| Entries shown |
——————————

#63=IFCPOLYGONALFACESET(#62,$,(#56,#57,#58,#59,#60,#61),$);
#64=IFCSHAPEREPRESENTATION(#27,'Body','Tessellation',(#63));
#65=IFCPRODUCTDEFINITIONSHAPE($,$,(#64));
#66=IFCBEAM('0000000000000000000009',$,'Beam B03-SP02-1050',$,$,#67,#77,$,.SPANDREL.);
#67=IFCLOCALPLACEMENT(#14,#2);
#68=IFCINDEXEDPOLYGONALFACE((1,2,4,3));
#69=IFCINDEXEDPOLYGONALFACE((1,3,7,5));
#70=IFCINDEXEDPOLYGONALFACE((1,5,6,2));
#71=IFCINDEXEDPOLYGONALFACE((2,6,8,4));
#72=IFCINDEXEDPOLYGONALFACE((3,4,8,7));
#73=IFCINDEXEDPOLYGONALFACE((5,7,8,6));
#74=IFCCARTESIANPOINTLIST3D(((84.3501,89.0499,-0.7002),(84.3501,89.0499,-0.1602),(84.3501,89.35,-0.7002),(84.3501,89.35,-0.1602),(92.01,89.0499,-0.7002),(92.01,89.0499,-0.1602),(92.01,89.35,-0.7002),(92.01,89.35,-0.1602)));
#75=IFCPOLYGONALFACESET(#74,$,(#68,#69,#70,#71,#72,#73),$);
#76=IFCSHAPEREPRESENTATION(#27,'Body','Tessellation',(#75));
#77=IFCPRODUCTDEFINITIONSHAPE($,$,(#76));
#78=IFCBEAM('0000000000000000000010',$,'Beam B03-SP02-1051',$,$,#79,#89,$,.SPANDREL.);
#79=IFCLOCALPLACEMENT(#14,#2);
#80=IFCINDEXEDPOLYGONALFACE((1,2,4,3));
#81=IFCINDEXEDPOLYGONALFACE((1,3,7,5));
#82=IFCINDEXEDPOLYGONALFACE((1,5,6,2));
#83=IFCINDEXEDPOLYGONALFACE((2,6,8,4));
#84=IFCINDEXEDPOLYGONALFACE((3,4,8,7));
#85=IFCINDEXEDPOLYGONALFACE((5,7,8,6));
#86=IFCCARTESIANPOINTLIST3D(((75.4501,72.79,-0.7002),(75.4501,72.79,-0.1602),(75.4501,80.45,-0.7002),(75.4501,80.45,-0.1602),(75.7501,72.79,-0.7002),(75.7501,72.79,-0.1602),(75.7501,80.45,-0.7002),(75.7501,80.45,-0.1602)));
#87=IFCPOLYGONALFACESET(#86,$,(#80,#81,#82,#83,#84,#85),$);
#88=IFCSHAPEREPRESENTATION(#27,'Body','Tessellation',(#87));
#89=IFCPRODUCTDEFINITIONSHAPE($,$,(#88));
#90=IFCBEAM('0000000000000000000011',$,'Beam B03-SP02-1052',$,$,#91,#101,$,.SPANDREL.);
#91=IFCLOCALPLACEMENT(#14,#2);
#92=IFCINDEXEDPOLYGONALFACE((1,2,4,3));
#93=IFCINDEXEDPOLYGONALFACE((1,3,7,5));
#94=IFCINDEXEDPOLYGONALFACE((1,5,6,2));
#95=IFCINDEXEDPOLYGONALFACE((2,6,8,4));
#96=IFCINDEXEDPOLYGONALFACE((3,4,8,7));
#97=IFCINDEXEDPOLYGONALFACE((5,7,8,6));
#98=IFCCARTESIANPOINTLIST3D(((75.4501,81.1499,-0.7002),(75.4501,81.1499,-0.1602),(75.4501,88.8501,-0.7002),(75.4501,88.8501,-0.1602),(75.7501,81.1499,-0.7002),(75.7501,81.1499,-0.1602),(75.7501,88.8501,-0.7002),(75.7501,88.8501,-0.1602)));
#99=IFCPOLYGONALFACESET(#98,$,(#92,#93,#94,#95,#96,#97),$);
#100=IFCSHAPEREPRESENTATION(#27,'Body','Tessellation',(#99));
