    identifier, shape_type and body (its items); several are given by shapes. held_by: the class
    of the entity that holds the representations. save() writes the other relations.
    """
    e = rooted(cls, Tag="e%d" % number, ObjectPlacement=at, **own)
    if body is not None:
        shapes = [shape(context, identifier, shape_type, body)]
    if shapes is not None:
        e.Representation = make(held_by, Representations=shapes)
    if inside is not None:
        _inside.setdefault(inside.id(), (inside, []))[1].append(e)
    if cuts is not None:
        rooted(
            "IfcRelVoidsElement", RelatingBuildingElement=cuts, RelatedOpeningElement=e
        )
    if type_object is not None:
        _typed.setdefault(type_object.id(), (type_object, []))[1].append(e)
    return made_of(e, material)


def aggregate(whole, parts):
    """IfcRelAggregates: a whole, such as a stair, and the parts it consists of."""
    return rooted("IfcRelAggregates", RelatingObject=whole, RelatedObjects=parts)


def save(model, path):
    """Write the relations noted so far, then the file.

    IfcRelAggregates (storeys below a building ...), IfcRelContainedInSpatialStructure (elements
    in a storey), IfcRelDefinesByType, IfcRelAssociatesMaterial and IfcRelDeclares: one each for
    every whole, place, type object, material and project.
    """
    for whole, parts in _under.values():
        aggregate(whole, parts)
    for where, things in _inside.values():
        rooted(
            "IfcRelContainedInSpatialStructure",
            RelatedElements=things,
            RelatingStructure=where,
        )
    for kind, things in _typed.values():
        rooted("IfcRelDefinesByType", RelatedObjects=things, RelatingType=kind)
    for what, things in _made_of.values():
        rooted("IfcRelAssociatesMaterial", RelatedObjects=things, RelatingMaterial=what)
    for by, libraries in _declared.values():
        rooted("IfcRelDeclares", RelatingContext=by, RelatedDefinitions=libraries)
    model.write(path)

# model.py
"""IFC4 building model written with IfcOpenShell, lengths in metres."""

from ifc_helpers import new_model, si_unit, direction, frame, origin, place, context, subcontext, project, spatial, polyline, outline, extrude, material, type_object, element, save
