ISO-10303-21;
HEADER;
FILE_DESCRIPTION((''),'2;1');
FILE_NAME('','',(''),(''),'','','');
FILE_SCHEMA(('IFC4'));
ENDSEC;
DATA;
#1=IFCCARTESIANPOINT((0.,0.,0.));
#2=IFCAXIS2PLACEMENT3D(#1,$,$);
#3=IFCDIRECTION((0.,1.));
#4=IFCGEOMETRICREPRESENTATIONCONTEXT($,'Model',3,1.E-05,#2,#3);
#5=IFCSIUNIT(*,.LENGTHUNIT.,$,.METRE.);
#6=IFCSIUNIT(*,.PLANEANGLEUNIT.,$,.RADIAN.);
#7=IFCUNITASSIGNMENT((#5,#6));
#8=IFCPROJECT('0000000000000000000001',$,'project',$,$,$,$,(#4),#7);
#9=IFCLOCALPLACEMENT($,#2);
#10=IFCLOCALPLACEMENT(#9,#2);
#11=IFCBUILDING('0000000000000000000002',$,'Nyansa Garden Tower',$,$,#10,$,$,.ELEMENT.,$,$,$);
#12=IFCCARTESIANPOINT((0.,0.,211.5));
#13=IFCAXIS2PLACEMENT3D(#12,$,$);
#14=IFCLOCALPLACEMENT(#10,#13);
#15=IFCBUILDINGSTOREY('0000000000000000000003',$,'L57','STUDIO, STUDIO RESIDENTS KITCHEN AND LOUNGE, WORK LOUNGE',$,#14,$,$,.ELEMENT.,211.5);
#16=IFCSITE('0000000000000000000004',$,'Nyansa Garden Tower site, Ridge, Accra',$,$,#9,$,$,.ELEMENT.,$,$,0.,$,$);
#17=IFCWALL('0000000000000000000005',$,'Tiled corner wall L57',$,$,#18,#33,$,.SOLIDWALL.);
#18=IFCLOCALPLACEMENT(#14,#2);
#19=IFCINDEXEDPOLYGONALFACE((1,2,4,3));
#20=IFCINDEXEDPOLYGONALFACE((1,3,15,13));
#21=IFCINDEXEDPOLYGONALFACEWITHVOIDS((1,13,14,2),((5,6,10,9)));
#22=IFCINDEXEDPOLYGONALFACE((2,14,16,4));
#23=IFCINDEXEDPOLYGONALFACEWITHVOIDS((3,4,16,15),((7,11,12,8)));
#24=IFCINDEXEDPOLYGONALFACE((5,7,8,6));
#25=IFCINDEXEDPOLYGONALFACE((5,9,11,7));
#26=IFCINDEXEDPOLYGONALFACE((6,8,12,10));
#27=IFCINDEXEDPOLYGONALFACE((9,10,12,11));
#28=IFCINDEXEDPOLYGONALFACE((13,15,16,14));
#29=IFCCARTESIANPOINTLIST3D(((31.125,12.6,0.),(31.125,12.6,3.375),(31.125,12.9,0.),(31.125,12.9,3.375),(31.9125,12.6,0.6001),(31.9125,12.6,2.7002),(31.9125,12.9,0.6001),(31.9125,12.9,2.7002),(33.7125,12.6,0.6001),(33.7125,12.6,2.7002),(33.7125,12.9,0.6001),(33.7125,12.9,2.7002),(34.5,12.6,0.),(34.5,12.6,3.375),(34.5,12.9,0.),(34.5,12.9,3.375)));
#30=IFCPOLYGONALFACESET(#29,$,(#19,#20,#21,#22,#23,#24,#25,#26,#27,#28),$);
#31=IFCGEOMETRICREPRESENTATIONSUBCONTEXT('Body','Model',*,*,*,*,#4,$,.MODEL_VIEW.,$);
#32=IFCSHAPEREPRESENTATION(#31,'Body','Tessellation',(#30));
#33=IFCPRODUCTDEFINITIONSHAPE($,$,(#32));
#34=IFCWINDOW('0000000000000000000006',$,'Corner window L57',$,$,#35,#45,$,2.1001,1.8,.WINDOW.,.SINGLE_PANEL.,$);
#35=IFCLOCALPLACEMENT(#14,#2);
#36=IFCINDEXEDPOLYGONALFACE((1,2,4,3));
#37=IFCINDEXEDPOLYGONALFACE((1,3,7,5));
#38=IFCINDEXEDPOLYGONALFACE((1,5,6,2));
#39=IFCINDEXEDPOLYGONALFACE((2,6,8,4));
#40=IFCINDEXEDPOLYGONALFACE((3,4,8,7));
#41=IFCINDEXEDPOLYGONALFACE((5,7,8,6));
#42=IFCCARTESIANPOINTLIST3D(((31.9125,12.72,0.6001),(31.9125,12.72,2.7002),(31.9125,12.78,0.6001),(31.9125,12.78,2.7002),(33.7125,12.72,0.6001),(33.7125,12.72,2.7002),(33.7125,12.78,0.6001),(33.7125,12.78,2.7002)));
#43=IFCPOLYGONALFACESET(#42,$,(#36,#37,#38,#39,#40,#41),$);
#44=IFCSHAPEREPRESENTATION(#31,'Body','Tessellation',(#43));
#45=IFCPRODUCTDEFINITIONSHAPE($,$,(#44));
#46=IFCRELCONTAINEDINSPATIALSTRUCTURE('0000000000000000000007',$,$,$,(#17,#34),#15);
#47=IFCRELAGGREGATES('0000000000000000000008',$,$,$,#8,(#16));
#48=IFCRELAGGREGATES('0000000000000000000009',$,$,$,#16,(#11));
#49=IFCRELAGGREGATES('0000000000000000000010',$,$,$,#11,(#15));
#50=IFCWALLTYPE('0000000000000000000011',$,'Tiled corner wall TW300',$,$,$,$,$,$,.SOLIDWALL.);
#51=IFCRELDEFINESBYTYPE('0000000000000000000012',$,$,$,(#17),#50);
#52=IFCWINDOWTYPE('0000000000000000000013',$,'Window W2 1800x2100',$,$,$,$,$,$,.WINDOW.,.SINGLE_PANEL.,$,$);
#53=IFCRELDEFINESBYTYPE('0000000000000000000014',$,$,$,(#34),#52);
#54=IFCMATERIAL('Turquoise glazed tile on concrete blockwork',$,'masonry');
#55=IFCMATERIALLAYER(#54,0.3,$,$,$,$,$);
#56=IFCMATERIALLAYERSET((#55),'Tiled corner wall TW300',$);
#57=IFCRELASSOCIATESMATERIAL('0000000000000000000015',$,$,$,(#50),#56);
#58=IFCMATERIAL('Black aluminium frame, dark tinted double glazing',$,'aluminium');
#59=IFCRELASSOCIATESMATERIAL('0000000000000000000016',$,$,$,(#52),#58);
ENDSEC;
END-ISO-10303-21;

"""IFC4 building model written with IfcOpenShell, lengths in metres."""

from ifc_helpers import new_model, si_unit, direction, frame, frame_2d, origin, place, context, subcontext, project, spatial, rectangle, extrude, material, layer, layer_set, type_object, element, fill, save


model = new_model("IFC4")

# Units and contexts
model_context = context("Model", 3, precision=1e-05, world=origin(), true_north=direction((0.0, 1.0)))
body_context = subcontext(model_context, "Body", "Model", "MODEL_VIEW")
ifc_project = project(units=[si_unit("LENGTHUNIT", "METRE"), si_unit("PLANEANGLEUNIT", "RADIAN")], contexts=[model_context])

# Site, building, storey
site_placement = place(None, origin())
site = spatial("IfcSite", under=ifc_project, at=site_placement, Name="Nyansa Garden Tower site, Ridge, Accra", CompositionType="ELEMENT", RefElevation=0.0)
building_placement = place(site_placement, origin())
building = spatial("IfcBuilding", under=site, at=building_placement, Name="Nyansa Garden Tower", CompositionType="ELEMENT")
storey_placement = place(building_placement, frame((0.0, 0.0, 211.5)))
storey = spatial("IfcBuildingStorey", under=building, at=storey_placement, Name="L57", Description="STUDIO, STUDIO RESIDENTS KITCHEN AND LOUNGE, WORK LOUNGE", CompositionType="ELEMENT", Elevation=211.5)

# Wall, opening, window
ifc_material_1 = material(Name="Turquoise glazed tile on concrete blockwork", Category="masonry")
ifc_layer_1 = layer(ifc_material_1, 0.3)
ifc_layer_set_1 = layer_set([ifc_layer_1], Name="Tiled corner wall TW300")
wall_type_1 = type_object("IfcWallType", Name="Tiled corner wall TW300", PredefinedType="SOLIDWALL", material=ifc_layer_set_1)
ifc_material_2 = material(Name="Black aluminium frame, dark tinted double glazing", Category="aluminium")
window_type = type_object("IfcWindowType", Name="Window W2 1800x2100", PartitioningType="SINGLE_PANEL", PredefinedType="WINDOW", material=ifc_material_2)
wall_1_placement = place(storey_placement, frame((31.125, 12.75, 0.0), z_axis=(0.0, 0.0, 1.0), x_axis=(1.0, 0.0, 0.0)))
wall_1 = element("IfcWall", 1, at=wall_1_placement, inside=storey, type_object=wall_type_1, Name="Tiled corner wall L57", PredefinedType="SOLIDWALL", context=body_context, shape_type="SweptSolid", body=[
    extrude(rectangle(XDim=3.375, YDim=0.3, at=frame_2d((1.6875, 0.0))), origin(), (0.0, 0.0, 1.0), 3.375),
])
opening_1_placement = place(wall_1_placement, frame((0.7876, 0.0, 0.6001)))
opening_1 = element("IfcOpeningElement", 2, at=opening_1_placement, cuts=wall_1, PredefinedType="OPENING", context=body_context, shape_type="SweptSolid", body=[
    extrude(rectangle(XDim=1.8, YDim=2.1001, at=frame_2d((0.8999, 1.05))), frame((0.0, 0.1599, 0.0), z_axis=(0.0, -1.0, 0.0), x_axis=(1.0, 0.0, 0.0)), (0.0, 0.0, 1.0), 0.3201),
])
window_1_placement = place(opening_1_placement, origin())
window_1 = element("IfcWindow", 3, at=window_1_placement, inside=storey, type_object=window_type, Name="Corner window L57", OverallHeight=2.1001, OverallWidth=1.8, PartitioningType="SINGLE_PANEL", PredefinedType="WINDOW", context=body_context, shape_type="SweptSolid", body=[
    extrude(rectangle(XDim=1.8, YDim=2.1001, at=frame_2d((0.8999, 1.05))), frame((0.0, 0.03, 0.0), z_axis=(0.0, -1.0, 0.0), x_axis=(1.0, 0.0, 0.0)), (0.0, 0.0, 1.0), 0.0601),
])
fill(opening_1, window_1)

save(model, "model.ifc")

——————————

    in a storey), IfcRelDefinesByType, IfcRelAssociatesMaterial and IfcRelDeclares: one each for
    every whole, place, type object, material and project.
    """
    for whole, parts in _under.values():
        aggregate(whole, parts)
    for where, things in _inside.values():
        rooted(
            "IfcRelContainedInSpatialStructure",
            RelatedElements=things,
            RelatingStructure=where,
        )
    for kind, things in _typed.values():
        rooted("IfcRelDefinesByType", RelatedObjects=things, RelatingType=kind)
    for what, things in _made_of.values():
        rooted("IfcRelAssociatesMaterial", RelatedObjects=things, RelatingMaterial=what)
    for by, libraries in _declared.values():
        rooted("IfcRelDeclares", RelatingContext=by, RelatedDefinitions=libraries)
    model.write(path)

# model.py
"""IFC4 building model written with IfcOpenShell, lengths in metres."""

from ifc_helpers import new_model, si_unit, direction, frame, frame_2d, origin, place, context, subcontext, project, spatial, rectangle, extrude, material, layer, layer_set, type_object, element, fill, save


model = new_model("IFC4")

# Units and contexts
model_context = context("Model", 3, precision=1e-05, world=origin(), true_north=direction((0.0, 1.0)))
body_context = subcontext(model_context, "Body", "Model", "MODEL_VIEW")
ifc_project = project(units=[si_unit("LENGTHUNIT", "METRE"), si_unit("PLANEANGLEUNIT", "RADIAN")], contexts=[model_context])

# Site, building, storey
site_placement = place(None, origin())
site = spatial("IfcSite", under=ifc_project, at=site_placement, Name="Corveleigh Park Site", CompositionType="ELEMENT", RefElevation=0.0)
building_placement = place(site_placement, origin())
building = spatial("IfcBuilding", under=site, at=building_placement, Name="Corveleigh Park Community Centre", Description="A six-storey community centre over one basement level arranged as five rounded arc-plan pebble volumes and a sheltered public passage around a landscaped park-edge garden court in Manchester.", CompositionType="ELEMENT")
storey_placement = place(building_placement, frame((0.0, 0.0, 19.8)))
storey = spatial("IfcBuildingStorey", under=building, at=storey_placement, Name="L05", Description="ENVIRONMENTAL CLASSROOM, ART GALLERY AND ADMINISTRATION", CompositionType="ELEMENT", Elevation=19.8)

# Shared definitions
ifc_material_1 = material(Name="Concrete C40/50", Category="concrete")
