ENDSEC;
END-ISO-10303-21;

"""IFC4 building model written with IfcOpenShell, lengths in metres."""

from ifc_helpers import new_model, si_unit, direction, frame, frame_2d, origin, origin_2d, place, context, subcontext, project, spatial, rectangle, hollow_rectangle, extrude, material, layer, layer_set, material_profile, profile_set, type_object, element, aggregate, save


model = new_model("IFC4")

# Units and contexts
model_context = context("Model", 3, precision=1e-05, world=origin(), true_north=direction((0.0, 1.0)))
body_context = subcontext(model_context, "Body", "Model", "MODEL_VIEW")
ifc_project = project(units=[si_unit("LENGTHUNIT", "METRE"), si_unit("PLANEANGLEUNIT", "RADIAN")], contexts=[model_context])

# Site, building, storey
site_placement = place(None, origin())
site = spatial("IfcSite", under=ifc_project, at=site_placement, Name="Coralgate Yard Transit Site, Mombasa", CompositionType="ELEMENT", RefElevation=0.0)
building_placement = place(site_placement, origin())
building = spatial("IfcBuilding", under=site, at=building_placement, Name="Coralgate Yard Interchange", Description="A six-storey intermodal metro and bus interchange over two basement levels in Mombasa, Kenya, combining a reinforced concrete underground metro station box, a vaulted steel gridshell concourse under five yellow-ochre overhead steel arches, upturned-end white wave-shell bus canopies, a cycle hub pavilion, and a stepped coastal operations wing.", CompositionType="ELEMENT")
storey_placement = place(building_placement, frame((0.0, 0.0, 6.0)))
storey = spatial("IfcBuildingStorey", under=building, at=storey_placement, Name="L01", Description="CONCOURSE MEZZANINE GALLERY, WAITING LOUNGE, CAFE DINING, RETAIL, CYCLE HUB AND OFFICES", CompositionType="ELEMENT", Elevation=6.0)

——————————

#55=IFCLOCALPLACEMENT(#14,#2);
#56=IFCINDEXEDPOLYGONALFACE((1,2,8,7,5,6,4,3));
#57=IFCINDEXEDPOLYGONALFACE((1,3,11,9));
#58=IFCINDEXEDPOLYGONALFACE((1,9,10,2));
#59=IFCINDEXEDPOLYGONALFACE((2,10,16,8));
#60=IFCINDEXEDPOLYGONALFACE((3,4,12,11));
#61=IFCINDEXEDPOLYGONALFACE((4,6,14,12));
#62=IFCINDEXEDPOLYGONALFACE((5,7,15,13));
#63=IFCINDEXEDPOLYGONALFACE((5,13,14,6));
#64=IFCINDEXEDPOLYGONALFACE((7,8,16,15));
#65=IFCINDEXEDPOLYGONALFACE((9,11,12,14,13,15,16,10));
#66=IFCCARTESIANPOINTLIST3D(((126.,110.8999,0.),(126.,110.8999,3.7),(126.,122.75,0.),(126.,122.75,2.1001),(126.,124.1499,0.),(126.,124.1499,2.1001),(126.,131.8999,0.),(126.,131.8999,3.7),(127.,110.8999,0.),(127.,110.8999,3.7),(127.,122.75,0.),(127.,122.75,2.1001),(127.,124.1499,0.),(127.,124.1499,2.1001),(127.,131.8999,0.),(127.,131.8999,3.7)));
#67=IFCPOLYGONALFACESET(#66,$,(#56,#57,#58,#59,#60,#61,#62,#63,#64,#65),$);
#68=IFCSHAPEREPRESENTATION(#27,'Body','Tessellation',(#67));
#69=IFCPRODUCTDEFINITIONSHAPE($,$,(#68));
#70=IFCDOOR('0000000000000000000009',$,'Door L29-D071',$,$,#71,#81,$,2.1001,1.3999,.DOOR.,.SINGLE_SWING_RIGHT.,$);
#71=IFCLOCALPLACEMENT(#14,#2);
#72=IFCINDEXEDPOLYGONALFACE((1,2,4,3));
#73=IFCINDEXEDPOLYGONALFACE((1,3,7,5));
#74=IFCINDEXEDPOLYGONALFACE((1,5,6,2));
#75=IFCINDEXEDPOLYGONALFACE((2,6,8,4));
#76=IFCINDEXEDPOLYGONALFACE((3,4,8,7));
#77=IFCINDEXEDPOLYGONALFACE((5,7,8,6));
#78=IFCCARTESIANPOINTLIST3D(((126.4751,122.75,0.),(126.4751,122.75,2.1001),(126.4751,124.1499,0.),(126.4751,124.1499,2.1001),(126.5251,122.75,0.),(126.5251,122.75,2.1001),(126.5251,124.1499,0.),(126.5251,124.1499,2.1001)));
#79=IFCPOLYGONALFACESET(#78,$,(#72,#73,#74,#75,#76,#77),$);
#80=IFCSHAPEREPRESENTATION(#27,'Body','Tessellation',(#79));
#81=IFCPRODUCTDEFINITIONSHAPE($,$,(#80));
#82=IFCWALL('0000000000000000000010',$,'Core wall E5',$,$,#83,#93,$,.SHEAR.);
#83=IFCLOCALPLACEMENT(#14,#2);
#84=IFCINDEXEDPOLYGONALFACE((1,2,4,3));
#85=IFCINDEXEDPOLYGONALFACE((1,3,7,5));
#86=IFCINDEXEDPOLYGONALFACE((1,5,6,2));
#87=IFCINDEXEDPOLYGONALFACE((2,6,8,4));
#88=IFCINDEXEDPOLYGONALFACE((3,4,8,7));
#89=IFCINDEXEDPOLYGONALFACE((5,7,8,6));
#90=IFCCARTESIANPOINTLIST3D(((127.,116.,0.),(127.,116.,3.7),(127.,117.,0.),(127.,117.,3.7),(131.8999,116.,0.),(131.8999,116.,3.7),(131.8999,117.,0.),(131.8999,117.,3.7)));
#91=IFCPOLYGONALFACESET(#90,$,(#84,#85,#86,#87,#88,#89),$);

——————————

Above are the records; repeat exactly the lines from the one holding "#93=IFCINDEXEDPOLYGONALFACE((1,3,7,5));" down to the one holding "if type_object is", end lines included.

| Task output |
#93=IFCINDEXEDPOLYGONALFACE((1,3,7,5));
#94=IFCINDEXEDPOLYGONALFACE((1,5,6,2));
#95=IFCINDEXEDPOLYGONALFACE((2,6,8,4));
#96=IFCINDEXEDPOLYGONALFACE((3,4,8,7));
#97=IFCINDEXEDPOLYGONALFACE((5,7,8,6));
#98=IFCCARTESIANPOINTLIST3D(((75.4501,81.1499,-0.7002),(75.4501,81.1499,-0.1602),(75.4501,88.8501,-0.7002),(75.4501,88.8501,-0.1602),(75.7501,81.1499,-0.7002),(75.7501,81.1499,-0.1602),(75.7501,88.8501,-0.7002),(75.7501,88.8501,-0.1602)));
#99=IFCPOLYGONALFACESET(#98,$,(#92,#93,#94,#95,#96,#97),$);
#100=IFCSHAPEREPRESENTATION(#27,'Body','Tessellation',(#99));
    identifier, shape_type and body (its items); several are given by shapes. held_by: the class
    of the entity that holds the representations. save() writes the other relations.
    """
    e = rooted(cls, Tag="e%d" % number, ObjectPlacement=at, **own)
    if body is not None:
        shapes = [shape(context, identifier, shape_type, body)]
    if shapes is not None:
        e.Representation = make(held_by, Representations=shapes)
    if inside is not None:
        _inside.setdefault(inside.id(), (inside, []))[1].append(e)
    if cuts is not None:
        rooted(
            "IfcRelVoidsElement", RelatingBuildingElement=cuts, RelatedOpeningElement=e
        )
    if type_object is not None:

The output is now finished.